Problem:
A single figure is expected: how many lines of the data that follows contain the word "spandrel".

Data in this exercise below:

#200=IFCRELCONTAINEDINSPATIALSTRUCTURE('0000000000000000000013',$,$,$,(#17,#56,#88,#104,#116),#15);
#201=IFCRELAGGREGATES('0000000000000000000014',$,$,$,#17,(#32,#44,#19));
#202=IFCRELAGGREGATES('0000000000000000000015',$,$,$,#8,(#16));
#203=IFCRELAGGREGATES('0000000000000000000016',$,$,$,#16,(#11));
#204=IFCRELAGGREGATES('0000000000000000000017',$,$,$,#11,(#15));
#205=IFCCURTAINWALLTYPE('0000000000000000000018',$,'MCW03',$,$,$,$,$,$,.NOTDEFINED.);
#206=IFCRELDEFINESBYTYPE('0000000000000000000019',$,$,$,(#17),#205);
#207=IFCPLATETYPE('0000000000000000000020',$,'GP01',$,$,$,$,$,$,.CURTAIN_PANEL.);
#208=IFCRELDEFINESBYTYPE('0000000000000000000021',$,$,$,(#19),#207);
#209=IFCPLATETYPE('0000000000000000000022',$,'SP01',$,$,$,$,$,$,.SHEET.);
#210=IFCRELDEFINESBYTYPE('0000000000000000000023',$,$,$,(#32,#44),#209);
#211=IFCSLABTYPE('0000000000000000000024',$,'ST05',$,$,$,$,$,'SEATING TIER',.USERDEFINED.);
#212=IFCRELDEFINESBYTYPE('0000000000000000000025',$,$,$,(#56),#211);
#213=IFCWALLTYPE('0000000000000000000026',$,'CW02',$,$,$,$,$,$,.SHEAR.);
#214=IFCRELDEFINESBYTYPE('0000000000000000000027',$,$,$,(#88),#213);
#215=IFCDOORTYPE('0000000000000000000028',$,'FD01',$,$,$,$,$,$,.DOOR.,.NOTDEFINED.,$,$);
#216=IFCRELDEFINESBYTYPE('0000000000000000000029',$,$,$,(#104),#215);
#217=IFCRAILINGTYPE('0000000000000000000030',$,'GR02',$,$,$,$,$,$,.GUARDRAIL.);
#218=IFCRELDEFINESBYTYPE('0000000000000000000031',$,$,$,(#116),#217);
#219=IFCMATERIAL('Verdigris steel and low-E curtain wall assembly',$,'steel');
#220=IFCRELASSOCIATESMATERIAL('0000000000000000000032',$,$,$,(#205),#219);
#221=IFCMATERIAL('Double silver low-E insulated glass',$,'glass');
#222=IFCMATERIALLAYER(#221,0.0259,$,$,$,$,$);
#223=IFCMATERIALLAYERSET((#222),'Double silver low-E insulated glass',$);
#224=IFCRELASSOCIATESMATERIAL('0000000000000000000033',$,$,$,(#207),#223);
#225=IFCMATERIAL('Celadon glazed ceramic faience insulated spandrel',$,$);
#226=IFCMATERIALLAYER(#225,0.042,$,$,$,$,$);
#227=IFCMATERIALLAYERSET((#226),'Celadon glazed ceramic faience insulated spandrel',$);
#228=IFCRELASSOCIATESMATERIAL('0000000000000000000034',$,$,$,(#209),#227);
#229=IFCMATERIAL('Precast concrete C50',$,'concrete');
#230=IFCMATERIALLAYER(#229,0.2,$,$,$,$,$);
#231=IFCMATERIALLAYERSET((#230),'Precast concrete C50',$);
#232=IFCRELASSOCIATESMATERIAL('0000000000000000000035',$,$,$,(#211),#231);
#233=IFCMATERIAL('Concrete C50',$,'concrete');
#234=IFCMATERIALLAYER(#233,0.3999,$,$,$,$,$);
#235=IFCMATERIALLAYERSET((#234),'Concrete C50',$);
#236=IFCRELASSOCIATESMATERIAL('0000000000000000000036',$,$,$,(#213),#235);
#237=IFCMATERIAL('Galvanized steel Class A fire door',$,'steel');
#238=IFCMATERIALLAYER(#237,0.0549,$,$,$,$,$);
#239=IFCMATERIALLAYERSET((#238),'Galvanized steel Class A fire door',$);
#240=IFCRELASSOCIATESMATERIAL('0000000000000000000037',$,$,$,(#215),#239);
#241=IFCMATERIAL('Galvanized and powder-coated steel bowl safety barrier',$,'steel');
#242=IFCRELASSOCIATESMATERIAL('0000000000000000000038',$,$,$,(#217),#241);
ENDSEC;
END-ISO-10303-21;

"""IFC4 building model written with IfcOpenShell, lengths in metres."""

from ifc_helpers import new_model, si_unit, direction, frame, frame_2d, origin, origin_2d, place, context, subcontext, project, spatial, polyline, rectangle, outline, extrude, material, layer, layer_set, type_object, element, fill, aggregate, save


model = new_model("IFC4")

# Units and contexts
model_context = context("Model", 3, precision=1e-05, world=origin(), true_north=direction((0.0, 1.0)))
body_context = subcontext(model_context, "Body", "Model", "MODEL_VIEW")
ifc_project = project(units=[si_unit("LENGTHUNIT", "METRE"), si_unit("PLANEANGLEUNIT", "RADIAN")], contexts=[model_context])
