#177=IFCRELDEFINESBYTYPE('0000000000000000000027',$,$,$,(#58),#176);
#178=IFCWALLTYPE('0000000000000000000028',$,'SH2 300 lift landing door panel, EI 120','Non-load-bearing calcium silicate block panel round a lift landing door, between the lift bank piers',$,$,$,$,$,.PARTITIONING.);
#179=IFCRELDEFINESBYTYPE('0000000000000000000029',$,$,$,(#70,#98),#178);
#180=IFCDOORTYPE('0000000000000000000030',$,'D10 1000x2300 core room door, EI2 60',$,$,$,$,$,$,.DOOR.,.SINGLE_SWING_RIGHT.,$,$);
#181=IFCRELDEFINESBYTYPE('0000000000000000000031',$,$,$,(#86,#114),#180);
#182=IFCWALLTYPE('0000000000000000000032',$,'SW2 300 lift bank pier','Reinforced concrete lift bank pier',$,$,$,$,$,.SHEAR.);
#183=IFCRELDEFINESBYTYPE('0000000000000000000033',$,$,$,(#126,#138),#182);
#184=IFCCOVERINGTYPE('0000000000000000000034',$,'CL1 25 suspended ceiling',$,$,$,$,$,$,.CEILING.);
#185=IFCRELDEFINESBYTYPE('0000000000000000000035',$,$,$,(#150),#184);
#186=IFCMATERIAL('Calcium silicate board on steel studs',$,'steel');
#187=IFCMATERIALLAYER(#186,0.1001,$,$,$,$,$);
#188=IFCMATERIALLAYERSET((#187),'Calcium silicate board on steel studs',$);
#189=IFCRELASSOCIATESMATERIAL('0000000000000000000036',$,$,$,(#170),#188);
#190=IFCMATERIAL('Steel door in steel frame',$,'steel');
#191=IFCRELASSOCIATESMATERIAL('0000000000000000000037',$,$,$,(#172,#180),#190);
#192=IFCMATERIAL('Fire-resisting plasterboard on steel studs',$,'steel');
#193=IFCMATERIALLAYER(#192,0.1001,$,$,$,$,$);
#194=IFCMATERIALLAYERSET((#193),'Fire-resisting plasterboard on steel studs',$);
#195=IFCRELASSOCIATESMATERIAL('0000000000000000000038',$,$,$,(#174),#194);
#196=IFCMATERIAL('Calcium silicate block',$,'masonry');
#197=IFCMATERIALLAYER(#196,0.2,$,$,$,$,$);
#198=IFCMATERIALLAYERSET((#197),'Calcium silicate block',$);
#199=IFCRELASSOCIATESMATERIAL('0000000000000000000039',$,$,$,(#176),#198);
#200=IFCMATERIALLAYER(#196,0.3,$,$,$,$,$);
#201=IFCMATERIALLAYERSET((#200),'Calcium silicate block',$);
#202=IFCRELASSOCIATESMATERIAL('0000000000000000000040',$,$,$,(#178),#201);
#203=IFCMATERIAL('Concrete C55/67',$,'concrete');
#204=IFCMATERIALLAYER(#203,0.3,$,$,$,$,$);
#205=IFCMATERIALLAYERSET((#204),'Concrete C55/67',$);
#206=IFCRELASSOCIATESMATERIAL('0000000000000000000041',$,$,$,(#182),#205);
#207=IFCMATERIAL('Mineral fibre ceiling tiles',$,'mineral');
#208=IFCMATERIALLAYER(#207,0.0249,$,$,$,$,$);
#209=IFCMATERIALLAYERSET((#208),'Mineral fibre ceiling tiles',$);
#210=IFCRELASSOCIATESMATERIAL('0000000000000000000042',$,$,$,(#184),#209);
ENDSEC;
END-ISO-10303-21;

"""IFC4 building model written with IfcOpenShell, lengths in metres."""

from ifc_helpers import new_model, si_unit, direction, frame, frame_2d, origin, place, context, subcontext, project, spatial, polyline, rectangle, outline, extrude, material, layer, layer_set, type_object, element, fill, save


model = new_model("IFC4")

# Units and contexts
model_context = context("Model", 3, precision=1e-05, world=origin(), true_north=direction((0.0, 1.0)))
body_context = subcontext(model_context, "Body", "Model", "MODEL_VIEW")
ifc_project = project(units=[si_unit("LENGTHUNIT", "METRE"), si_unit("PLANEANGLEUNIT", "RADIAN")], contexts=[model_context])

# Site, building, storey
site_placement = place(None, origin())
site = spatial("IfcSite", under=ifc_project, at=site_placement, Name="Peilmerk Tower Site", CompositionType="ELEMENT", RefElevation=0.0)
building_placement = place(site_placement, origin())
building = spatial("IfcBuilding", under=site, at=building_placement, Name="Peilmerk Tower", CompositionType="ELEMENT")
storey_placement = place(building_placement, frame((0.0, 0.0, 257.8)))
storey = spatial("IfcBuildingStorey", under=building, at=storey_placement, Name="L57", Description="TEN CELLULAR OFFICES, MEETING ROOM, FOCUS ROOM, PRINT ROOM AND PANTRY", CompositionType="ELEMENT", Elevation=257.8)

End of Data in this exercise.
Data in this exercise below:

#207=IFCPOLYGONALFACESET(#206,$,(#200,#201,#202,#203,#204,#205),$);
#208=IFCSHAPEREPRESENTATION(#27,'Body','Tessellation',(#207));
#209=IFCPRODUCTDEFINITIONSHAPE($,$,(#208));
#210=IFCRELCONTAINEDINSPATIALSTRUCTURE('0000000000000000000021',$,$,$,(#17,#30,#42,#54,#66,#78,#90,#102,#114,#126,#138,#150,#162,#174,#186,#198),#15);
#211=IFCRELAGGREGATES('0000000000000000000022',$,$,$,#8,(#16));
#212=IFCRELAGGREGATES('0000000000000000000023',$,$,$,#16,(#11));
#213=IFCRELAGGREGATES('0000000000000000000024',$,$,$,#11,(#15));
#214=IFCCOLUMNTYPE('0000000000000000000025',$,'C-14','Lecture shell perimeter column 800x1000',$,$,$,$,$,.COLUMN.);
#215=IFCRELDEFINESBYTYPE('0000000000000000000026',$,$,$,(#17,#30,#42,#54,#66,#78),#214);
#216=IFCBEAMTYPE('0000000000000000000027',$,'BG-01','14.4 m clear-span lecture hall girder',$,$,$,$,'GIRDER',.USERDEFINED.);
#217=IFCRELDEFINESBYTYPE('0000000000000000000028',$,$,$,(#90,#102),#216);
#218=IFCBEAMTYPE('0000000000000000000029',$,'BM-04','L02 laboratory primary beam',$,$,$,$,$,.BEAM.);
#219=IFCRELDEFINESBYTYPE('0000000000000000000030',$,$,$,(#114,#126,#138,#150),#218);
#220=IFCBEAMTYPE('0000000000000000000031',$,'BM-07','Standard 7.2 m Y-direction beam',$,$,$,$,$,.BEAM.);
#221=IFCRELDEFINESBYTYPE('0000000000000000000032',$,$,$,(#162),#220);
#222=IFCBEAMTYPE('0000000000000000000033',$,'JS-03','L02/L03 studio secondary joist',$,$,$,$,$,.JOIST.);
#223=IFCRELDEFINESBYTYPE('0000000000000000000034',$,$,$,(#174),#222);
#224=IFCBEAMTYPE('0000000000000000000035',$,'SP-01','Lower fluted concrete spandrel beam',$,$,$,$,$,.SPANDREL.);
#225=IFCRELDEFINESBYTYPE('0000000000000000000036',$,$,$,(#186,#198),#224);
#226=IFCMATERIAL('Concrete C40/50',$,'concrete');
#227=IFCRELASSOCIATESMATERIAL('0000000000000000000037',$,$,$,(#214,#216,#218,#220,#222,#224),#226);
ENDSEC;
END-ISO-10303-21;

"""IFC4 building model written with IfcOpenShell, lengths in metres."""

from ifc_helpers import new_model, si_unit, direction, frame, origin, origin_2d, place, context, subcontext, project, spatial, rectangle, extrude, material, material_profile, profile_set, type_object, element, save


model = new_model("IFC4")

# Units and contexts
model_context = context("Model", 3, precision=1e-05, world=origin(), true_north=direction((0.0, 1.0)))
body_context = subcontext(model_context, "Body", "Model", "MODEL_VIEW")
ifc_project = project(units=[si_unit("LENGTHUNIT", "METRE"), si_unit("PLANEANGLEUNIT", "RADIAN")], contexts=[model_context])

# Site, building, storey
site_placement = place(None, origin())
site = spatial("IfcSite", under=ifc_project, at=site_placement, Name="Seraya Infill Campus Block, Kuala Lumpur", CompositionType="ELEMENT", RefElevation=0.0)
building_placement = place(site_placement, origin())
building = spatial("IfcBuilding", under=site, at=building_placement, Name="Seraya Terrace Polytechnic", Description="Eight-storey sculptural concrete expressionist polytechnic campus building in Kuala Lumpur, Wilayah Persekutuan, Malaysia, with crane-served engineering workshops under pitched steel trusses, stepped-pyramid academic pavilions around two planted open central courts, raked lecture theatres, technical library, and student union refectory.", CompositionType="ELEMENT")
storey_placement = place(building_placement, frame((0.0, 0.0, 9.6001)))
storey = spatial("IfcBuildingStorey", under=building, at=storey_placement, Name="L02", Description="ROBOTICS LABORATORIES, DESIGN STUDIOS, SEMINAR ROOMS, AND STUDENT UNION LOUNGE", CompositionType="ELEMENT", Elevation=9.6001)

End of Data in this exercise.

Result for this task:
3